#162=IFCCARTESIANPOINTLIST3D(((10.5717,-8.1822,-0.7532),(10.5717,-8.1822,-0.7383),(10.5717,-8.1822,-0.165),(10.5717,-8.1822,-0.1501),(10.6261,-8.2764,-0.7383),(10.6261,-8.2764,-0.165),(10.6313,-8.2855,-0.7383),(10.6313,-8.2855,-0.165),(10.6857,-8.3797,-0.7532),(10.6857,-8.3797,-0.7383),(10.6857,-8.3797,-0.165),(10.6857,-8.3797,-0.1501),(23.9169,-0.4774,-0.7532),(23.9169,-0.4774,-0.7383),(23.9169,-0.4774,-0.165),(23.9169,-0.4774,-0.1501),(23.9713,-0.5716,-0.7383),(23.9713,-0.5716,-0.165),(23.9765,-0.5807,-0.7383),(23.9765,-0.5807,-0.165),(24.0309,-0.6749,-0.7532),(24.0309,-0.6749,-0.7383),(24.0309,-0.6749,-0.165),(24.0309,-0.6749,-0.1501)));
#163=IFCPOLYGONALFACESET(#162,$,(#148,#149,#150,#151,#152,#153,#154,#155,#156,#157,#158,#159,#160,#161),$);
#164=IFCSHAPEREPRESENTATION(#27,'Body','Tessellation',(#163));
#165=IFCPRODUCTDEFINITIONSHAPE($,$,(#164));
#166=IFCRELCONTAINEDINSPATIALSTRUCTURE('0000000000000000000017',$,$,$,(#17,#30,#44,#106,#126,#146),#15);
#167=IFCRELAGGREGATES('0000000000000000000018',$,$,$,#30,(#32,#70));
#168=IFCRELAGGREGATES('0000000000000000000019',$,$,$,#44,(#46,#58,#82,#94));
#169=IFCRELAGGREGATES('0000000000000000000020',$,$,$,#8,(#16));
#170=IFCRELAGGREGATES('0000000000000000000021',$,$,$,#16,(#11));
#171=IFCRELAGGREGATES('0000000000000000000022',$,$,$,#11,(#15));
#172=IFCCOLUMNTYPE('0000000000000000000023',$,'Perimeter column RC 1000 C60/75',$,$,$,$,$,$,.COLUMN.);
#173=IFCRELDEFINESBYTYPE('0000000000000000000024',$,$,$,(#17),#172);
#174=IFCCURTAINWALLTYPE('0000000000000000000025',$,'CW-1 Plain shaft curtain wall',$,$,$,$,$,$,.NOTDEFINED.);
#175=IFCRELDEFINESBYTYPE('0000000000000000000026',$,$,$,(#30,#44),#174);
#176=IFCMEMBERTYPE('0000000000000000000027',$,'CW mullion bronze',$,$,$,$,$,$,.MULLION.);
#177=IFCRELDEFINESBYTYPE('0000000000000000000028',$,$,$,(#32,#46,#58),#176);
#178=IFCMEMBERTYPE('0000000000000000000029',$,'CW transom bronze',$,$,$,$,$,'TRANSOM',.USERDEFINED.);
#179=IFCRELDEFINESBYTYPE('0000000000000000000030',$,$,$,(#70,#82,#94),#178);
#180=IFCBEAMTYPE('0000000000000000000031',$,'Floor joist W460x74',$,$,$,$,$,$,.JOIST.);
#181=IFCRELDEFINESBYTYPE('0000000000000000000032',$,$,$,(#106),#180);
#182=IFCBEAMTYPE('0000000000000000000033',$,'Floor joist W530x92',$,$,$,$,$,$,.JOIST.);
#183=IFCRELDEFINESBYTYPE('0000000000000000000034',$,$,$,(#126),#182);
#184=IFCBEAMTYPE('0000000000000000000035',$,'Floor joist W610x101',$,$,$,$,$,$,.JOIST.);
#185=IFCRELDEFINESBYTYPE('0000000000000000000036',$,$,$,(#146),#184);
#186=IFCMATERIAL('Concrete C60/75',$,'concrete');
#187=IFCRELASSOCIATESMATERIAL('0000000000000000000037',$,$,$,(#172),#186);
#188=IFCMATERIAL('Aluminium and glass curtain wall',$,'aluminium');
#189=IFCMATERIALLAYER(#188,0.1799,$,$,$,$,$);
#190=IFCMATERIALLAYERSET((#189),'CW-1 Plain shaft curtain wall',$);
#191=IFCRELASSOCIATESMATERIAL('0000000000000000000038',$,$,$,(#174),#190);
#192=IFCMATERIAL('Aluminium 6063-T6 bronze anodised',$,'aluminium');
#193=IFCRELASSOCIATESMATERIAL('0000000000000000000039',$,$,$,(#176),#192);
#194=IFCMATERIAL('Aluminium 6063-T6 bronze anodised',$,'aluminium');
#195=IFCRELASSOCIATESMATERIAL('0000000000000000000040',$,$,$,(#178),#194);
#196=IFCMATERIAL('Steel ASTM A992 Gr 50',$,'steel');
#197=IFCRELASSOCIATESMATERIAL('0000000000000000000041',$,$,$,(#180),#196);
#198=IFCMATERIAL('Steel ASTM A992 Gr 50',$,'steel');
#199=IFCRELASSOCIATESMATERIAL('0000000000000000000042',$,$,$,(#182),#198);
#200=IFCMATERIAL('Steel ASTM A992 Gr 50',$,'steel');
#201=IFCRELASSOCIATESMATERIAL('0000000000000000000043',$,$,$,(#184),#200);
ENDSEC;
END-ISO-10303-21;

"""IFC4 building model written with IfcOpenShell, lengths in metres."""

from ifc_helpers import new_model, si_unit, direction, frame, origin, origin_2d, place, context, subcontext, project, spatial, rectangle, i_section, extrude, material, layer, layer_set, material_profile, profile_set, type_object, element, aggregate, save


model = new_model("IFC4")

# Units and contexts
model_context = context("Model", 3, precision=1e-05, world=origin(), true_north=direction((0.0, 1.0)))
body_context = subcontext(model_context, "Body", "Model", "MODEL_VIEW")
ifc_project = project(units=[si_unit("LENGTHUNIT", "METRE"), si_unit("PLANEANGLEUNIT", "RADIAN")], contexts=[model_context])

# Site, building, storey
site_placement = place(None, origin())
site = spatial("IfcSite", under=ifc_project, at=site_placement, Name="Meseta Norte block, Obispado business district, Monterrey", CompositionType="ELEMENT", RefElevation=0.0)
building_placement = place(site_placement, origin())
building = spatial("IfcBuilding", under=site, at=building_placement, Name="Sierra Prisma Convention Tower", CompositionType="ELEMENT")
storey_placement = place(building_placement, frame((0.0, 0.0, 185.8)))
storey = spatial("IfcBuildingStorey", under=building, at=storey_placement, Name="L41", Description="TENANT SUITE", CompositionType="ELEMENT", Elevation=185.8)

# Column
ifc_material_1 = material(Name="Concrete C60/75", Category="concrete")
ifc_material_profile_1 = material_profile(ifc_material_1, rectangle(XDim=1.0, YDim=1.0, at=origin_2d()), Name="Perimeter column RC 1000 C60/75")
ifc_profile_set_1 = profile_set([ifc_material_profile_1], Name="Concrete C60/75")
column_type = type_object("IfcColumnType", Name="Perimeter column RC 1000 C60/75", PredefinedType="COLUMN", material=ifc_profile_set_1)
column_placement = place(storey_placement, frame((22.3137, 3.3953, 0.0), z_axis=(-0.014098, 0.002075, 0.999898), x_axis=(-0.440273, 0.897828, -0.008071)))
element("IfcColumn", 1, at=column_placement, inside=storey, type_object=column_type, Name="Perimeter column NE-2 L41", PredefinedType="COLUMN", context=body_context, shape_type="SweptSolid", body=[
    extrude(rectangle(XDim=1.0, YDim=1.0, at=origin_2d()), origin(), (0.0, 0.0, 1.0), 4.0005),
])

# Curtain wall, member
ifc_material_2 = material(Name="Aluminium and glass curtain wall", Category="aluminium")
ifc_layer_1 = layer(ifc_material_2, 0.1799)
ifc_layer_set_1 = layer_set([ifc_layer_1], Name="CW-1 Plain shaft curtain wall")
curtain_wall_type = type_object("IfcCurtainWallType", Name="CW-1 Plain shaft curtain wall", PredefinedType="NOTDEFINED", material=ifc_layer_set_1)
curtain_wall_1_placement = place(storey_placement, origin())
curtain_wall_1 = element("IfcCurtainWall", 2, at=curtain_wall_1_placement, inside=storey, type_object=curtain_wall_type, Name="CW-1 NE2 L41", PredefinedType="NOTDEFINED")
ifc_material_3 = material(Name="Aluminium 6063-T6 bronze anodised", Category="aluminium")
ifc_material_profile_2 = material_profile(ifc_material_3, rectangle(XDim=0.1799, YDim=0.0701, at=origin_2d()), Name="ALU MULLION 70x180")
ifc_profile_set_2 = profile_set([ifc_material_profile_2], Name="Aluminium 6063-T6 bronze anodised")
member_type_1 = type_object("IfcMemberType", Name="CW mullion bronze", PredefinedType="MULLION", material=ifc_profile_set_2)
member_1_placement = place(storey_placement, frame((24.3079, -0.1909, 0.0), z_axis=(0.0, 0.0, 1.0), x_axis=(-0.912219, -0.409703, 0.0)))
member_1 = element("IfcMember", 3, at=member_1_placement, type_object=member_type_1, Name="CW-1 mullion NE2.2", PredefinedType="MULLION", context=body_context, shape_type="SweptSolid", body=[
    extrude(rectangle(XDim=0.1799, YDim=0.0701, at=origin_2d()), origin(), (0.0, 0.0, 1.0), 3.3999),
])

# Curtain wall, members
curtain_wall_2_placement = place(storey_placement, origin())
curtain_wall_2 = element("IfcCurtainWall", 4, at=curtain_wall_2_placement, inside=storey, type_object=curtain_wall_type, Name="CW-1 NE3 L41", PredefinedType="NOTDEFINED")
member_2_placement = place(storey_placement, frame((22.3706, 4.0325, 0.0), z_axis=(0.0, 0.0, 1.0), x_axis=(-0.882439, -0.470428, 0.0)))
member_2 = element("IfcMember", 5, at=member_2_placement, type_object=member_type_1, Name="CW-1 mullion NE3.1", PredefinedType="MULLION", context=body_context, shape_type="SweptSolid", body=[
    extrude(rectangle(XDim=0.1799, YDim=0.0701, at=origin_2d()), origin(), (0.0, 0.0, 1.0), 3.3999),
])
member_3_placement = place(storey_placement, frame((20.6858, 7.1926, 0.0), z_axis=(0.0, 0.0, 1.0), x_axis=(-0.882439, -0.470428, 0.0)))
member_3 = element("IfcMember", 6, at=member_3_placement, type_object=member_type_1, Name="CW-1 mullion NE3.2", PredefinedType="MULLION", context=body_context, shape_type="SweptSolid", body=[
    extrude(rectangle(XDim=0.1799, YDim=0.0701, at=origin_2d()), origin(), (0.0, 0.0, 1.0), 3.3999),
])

※ ※ ※

■ **Exercise**
Each line from the one containing "x_axis=(-0.912219, -0.409703, 0.0)))" to the close of the records must appear in the output exactly, and no other line.

■ **Written answer**
member_1_placement = place(storey_placement, frame((24.3079, -0.1909, 0.0), z_axis=(0.0, 0.0, 1.0), x_axis=(-0.912219, -0.409703, 0.0)))
member_1 = element("IfcMember", 3, at=member_1_placement, type_object=member_type_1, Name="CW-1 mullion NE2.2", PredefinedType="MULLION", context=body_context, shape_type="SweptSolid", body=[
    extrude(rectangle(XDim=0.1799, YDim=0.0701, at=origin_2d()), origin(), (0.0, 0.0, 1.0), 3.3999),
])

# Curtain wall, members
curtain_wall_2_placement = place(storey_placement, origin())
curtain_wall_2 = element("IfcCurtainWall", 4, at=curtain_wall_2_placement, inside=storey, type_object=curtain_wall_type, Name="CW-1 NE3 L41", PredefinedType="NOTDEFINED")
member_2_placement = place(storey_placement, frame((22.3706, 4.0325, 0.0), z_axis=(0.0, 0.0, 1.0), x_axis=(-0.882439, -0.470428, 0.0)))
member_2 = element("IfcMember", 5, at=member_2_placement, type_object=member_type_1, Name="CW-1 mullion NE3.1", PredefinedType="MULLION", context=body_context, shape_type="SweptSolid", body=[
    extrude(rectangle(XDim=0.1799, YDim=0.0701, at=origin_2d()), origin(), (0.0, 0.0, 1.0), 3.3999),
])
member_3_placement = place(storey_placement, frame((20.6858, 7.1926, 0.0), z_axis=(0.0, 0.0, 1.0), x_axis=(-0.882439, -0.470428, 0.0)))
member_3 = element("IfcMember", 6, at=member_3_placement, type_object=member_type_1, Name="CW-1 mullion NE3.2", PredefinedType="MULLION", context=body_context, shape_type="SweptSolid", body=[
    extrude(rectangle(XDim=0.1799, YDim=0.0701, at=origin_2d()), origin(), (0.0, 0.0, 1.0), 3.3999),
])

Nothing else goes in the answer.